EXERCISE OBJECTIVE
In the entries that follow, the line with "#131=IFCPRODUCTDEFINITIONSHAPE($,$,(#130));" opens the range and the line with "#144=IFCWALL('0000000000000000000016',$,'Partition P06 L58" closes it; repeat that range exactly, both lines included.

RECORDS SUPPLIED

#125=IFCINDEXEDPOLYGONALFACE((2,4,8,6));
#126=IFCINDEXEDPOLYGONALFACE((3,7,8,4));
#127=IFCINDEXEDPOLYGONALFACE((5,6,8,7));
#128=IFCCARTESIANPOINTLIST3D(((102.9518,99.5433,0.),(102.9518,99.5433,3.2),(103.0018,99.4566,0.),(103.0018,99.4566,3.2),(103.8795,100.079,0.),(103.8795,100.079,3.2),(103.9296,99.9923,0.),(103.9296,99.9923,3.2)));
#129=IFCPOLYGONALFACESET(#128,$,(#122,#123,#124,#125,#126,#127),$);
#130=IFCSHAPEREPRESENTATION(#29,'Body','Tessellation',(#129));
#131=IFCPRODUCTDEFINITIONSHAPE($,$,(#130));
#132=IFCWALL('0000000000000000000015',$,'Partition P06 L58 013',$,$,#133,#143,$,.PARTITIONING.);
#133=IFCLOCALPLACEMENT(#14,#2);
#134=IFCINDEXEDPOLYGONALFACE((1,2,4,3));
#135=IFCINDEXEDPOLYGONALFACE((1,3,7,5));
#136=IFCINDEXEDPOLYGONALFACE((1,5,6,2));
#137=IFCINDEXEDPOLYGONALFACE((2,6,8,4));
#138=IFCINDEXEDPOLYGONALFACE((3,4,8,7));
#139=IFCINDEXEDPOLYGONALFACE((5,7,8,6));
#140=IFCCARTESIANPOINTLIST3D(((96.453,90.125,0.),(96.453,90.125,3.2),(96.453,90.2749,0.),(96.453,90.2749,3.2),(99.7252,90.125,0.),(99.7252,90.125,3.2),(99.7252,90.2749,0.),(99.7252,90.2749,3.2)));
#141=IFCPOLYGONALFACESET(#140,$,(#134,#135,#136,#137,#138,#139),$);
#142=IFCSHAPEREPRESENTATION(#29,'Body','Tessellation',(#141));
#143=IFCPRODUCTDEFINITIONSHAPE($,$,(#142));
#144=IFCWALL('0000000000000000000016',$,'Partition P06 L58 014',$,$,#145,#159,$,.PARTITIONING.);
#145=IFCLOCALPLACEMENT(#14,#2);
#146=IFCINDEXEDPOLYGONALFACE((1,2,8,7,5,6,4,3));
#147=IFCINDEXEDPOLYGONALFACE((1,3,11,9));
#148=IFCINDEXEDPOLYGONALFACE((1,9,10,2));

...

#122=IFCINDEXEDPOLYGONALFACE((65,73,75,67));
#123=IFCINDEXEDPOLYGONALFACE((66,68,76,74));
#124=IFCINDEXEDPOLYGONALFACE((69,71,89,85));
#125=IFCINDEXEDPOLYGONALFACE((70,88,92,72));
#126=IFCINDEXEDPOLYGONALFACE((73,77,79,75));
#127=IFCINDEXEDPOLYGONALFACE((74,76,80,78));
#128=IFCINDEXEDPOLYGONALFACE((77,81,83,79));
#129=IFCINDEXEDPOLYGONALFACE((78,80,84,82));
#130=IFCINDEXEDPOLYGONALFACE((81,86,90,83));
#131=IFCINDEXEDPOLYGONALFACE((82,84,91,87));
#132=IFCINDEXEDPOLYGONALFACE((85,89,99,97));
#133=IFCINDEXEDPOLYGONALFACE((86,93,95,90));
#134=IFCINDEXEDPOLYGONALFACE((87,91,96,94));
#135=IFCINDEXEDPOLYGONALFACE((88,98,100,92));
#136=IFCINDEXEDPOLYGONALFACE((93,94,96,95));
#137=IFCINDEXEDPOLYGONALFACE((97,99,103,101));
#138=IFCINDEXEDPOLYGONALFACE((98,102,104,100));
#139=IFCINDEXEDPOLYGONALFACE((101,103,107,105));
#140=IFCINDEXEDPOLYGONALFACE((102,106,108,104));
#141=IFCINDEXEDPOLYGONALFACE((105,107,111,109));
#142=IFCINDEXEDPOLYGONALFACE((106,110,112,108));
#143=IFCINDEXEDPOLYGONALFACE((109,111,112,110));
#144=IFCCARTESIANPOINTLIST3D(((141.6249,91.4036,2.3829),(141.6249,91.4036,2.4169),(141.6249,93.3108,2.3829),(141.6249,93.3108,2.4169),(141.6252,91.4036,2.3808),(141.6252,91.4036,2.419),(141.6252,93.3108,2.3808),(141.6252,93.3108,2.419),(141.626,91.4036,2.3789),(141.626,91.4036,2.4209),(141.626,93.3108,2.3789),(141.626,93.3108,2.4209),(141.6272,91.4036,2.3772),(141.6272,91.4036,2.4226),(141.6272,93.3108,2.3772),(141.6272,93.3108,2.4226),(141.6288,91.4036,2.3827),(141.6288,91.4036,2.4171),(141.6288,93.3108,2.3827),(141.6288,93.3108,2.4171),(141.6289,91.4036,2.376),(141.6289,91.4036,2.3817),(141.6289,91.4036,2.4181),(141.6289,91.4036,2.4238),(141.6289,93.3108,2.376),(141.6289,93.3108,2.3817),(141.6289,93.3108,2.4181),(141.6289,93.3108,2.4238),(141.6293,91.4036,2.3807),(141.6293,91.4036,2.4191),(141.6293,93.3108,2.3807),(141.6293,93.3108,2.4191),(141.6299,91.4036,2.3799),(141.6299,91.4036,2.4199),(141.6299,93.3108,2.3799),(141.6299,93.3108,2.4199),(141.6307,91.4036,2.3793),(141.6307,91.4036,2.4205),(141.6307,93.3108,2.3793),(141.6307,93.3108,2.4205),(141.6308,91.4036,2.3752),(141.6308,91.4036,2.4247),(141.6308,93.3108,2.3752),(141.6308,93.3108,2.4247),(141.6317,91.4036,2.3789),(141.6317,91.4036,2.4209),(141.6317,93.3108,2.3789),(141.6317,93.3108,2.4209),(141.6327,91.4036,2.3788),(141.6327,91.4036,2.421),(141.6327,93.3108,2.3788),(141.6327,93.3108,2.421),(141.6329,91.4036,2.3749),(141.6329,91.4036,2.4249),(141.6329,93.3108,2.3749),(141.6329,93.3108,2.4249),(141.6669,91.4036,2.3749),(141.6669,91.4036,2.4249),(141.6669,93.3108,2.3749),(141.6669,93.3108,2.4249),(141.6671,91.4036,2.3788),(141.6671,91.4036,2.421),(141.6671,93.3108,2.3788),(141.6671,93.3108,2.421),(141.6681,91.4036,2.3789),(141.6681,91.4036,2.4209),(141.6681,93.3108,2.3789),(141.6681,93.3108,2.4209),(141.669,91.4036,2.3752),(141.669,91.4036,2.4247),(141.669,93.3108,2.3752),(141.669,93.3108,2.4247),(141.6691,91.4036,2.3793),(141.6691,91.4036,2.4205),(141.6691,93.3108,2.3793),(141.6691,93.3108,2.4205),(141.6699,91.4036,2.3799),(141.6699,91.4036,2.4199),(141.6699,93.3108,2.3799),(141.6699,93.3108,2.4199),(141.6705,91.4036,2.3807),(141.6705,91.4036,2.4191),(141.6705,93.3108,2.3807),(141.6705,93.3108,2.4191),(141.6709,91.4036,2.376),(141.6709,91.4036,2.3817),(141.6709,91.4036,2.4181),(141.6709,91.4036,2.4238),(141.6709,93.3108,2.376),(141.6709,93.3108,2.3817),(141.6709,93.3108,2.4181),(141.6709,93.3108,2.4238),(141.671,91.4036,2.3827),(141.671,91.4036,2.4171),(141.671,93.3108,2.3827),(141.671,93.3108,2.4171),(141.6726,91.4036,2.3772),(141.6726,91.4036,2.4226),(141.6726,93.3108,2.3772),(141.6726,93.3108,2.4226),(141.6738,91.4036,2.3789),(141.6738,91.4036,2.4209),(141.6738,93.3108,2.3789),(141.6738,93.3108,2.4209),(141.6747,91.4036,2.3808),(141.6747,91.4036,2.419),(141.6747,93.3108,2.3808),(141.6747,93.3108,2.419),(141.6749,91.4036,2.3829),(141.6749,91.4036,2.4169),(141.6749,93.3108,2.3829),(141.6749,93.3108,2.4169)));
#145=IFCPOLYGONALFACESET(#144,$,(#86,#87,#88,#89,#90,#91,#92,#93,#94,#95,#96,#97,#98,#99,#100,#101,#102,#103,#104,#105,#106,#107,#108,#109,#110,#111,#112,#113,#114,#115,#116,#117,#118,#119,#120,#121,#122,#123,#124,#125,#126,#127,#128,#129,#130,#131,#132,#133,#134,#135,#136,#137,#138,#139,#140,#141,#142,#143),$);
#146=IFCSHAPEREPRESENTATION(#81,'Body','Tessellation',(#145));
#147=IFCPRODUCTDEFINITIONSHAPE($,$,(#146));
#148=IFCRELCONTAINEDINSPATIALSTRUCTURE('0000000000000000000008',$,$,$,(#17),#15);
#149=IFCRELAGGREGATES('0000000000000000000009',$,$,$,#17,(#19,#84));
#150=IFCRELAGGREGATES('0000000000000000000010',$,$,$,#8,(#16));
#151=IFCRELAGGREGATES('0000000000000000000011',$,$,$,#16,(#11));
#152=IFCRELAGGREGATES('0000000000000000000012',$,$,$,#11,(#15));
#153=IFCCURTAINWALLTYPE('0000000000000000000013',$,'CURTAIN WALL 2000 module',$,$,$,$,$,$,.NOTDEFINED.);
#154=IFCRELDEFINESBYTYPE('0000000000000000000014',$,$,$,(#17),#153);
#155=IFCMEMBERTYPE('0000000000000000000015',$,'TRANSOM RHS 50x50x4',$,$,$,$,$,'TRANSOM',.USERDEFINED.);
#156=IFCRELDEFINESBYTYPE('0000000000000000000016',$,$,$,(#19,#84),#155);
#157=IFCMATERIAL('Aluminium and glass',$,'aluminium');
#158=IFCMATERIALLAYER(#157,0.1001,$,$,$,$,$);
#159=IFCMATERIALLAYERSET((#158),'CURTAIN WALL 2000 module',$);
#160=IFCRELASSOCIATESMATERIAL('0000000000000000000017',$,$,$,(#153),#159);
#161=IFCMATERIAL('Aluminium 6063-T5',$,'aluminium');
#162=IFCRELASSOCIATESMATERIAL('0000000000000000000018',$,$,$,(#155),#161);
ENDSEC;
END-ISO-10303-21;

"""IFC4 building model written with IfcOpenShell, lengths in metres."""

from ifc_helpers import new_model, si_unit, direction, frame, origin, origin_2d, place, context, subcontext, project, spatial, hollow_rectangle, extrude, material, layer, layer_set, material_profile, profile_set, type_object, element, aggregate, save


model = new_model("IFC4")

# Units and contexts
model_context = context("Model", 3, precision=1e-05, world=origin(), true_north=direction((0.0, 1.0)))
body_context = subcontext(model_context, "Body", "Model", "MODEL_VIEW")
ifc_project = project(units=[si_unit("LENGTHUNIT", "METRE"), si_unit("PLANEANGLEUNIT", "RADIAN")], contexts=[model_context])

WORKED SOLUTION
#131=IFCPRODUCTDEFINITIONSHAPE($,$,(#130));
#132=IFCWALL('0000000000000000000015',$,'Partition P06 L58 013',$,$,#133,#143,$,.PARTITIONING.);
#133=IFCLOCALPLACEMENT(#14,#2);
#134=IFCINDEXEDPOLYGONALFACE((1,2,4,3));
#135=IFCINDEXEDPOLYGONALFACE((1,3,7,5));
#136=IFCINDEXEDPOLYGONALFACE((1,5,6,2));
#137=IFCINDEXEDPOLYGONALFACE((2,6,8,4));
#138=IFCINDEXEDPOLYGONALFACE((3,4,8,7));
#139=IFCINDEXEDPOLYGONALFACE((5,7,8,6));
#140=IFCCARTESIANPOINTLIST3D(((96.453,90.125,0.),(96.453,90.125,3.2),(96.453,90.2749,0.),(96.453,90.2749,3.2),(99.7252,90.125,0.),(99.7252,90.125,3.2),(99.7252,90.2749,0.),(99.7252,90.2749,3.2)));
#141=IFCPOLYGONALFACESET(#140,$,(#134,#135,#136,#137,#138,#139),$);
#142=IFCSHAPEREPRESENTATION(#29,'Body','Tessellation',(#141));
#143=IFCPRODUCTDEFINITIONSHAPE($,$,(#142));
#144=IFCWALL('0000000000000000000016',$,'Partition P06 L58 014',$,$,#145,#159,$,.PARTITIONING.);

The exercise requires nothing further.